(MATERIAL SHOWN)

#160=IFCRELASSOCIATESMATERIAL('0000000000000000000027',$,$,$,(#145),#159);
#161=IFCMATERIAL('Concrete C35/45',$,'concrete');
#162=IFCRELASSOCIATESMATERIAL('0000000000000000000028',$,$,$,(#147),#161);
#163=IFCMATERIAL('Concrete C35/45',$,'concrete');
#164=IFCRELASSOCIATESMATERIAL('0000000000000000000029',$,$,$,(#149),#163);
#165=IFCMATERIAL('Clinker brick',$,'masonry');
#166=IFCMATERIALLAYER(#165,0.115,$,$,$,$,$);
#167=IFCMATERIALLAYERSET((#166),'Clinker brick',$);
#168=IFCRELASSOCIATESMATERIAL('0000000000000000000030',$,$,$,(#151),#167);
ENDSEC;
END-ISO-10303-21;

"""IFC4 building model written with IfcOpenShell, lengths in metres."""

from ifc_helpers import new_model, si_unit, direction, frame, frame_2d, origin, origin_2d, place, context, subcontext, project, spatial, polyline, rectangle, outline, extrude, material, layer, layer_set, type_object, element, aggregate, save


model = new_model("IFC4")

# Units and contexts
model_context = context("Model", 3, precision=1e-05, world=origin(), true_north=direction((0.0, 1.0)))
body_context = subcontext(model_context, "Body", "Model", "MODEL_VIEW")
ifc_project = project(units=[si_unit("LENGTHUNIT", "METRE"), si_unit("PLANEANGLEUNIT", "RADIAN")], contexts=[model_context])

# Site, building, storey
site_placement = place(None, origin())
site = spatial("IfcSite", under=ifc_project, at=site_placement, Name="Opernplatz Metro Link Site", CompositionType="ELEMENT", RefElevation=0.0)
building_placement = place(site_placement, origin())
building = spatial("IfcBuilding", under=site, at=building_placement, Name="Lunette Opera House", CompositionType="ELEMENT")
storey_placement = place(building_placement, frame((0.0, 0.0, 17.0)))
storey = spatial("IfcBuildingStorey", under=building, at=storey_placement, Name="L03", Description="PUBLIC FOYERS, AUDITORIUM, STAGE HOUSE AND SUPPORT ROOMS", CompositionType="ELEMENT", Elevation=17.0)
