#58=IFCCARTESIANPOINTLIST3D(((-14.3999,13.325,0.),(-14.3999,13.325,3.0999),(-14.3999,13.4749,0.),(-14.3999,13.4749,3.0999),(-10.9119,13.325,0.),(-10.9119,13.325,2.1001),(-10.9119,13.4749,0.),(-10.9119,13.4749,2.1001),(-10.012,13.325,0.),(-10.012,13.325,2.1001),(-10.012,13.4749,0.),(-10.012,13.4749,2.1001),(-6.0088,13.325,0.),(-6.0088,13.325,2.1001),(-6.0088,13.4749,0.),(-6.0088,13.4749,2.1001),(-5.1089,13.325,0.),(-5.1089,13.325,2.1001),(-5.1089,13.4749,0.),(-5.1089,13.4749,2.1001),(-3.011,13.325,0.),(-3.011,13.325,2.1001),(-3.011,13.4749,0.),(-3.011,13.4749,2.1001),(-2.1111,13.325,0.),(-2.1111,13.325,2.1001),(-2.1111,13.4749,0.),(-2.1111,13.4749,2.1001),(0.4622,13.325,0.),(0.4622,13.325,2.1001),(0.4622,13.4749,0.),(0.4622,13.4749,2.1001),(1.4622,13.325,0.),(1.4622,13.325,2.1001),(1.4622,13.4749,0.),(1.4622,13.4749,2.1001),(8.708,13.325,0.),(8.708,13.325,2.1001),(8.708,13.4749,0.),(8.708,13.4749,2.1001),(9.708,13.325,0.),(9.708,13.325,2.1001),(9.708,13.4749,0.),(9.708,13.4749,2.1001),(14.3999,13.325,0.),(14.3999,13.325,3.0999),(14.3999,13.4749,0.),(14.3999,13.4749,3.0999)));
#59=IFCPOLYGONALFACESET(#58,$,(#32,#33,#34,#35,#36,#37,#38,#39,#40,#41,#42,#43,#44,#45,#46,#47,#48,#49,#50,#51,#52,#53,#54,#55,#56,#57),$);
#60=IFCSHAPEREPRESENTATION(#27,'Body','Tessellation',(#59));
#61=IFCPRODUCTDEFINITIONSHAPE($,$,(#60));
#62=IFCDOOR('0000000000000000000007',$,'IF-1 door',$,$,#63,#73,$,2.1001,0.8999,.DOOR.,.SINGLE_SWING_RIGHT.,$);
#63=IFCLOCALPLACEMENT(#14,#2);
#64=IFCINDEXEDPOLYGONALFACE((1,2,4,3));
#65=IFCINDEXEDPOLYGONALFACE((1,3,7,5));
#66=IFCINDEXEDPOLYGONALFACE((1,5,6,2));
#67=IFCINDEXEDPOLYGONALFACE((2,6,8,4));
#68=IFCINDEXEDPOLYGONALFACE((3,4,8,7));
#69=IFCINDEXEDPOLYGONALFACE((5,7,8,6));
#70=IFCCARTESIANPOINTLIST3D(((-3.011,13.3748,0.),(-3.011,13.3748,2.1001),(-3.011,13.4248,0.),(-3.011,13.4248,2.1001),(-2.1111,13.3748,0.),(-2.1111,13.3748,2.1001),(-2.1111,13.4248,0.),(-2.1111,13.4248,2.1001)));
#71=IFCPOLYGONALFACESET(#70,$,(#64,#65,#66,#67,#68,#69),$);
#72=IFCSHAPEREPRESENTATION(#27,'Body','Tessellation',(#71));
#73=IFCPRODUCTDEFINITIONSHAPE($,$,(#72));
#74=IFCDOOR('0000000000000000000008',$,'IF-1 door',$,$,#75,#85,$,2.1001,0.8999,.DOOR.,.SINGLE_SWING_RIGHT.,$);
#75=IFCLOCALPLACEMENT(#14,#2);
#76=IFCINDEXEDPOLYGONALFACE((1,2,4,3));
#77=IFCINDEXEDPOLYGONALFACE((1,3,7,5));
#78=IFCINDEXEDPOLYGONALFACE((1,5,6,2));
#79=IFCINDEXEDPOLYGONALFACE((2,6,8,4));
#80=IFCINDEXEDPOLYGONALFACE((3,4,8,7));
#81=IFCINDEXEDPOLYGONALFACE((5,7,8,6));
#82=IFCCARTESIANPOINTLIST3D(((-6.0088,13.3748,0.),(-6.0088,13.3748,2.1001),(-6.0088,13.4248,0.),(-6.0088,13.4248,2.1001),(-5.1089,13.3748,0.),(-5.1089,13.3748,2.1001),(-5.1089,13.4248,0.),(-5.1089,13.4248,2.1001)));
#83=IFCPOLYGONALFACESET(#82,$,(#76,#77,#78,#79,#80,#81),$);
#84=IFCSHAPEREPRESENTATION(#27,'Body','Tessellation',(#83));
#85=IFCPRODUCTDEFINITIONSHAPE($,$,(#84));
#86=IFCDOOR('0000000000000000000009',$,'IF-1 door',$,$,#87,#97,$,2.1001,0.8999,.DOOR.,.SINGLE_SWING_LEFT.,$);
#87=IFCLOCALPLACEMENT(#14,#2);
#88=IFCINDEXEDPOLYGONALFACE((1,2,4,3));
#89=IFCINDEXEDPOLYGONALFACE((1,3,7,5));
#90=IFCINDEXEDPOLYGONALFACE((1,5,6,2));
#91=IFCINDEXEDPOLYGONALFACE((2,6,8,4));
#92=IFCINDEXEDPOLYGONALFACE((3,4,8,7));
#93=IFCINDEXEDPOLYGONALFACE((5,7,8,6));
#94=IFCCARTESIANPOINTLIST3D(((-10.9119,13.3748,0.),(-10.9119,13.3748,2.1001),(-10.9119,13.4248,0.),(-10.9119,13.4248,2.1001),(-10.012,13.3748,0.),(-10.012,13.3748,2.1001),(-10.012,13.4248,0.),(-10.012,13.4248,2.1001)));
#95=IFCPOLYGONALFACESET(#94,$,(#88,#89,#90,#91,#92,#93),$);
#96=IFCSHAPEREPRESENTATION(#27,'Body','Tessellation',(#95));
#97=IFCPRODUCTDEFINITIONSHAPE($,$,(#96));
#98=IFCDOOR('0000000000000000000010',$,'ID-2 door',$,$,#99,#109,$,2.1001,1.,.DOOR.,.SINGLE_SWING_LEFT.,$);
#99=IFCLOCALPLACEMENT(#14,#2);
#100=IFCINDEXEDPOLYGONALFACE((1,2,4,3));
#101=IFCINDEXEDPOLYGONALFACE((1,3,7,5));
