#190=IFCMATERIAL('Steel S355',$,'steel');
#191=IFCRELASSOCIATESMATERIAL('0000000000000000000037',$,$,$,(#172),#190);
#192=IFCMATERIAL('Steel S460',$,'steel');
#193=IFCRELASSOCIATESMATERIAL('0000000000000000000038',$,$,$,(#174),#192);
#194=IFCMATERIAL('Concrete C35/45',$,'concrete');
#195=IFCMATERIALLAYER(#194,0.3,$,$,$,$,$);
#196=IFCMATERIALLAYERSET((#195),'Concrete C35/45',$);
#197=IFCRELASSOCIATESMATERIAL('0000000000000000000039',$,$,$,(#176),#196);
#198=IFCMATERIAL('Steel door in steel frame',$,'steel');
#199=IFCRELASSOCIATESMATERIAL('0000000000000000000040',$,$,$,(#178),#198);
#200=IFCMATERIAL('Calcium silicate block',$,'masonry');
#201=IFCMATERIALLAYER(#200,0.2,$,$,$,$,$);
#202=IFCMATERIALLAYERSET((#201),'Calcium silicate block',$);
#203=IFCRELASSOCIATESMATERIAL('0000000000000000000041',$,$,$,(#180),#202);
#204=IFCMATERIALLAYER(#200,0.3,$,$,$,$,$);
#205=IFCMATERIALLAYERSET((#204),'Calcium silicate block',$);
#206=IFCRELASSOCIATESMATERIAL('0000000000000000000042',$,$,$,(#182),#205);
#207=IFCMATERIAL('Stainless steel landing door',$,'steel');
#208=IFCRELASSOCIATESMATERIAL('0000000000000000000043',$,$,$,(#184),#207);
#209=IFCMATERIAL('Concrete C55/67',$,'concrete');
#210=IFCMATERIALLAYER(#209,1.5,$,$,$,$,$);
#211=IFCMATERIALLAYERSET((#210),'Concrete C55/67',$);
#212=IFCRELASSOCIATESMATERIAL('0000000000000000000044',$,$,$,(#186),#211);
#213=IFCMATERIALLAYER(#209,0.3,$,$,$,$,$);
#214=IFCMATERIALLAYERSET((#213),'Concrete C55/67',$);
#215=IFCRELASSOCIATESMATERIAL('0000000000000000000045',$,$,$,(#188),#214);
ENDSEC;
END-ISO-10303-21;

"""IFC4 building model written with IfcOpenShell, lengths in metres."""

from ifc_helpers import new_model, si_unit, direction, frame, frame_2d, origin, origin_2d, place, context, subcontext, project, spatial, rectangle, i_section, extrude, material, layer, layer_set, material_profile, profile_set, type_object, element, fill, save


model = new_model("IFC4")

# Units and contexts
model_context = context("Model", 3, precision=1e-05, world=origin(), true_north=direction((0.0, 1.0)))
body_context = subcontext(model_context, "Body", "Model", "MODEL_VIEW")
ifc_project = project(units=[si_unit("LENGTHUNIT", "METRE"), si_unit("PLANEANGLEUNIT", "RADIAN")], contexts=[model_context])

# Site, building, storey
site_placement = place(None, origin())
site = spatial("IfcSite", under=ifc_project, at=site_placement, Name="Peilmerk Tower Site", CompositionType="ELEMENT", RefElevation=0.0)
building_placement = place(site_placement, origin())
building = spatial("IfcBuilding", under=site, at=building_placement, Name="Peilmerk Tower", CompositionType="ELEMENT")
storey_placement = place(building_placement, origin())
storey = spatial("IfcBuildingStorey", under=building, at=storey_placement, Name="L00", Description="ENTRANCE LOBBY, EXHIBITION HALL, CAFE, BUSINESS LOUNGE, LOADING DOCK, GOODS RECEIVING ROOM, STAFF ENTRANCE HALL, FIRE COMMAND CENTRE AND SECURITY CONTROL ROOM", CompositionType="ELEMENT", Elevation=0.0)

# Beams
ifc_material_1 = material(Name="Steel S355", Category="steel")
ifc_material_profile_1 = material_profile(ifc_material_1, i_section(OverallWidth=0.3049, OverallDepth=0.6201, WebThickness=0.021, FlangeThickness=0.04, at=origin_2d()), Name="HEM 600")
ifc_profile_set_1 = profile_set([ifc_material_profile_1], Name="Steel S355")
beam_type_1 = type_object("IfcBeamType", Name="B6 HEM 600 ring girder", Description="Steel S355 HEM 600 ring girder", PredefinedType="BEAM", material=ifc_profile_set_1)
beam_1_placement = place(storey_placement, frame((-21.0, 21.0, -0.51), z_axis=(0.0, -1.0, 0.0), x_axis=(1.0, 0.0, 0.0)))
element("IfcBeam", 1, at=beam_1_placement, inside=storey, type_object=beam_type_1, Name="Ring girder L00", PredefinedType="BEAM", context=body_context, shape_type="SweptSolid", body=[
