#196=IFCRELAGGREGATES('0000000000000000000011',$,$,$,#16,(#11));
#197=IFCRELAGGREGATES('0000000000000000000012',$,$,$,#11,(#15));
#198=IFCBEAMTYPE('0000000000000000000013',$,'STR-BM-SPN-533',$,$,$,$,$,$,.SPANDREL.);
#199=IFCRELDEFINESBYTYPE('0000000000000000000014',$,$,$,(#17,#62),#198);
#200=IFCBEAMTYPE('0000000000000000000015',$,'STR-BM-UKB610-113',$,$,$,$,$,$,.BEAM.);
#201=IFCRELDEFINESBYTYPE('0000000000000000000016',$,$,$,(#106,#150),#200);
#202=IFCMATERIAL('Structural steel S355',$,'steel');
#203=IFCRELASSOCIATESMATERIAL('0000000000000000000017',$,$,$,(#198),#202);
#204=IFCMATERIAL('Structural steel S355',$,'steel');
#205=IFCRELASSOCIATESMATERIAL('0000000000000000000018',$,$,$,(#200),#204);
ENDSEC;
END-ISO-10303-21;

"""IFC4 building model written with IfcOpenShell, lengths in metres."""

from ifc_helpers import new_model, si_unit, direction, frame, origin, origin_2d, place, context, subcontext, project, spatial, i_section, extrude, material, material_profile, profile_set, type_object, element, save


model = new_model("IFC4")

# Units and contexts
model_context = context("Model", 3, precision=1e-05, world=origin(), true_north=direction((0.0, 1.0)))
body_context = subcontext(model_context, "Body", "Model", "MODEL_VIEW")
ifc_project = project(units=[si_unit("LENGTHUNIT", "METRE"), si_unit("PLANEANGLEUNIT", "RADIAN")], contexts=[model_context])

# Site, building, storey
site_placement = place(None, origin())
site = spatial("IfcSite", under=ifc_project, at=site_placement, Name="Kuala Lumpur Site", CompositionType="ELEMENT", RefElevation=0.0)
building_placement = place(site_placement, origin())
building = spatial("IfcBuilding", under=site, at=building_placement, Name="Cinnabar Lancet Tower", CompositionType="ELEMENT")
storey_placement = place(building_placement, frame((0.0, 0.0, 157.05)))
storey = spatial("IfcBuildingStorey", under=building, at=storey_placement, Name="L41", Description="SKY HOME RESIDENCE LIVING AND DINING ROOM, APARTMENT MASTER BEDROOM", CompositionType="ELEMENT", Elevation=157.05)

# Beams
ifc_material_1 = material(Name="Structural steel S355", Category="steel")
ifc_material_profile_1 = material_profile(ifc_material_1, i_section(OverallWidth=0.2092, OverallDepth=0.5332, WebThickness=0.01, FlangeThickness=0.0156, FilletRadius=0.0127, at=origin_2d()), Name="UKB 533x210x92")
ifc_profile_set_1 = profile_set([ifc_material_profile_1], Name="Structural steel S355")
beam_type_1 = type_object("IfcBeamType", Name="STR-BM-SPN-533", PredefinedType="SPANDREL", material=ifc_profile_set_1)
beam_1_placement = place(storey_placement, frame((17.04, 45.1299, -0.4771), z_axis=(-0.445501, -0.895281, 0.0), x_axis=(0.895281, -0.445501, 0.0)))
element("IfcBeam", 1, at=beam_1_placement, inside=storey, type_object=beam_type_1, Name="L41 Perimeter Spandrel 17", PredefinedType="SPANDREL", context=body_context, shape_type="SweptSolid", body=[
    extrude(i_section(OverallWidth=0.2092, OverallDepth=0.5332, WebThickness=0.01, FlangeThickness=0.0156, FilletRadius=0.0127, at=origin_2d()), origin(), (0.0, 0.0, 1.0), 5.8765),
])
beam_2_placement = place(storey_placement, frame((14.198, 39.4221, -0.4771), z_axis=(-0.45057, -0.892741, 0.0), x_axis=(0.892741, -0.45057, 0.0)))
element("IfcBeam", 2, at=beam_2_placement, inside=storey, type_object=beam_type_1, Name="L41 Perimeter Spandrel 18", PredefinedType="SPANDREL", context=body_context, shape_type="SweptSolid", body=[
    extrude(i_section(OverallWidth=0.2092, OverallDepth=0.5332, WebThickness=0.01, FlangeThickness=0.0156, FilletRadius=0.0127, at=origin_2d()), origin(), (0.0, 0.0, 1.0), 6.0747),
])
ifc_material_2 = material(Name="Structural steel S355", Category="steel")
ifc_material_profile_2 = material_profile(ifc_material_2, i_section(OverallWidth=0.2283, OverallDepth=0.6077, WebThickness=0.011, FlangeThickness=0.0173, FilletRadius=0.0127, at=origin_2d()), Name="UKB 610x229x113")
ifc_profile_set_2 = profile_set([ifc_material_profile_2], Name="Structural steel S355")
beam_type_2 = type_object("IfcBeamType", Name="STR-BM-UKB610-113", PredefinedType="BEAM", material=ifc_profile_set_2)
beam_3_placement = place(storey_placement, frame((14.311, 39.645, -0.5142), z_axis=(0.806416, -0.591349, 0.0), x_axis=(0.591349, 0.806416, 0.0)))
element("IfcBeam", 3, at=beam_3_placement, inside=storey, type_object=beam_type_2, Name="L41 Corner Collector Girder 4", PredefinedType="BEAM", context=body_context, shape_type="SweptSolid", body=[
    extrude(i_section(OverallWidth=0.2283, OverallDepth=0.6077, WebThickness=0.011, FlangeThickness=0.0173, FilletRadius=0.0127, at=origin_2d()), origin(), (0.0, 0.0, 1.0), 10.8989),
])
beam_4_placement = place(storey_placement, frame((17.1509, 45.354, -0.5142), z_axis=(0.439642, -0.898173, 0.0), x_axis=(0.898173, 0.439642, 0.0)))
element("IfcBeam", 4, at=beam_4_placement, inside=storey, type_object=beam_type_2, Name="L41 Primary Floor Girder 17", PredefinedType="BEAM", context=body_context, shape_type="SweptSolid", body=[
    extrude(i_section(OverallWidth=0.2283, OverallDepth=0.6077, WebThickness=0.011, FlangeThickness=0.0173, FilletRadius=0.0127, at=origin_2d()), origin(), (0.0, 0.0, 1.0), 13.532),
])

(End MATERIAL SHOWN)

- _TASK TO CARRY OUT_
Using the records above, restate word for word the lines from the one with "#204=IFCMATERIAL('Structural steel S355',$,'steel');" through the one with "type_object, element, save", both included.

- _TASK RESULT_
#204=IFCMATERIAL('Structural steel S355',$,'steel');
#205=IFCRELASSOCIATESMATERIAL('0000000000000000000018',$,$,$,(#200),#204);
ENDSEC;
END-ISO-10303-21;

"""IFC4 building model written with IfcOpenShell, lengths in metres."""

from ifc_helpers import new_model, si_unit, direction, frame, origin, origin_2d, place, context, subcontext, project, spatial, i_section, extrude, material, material_profile, profile_set, type_object, element, save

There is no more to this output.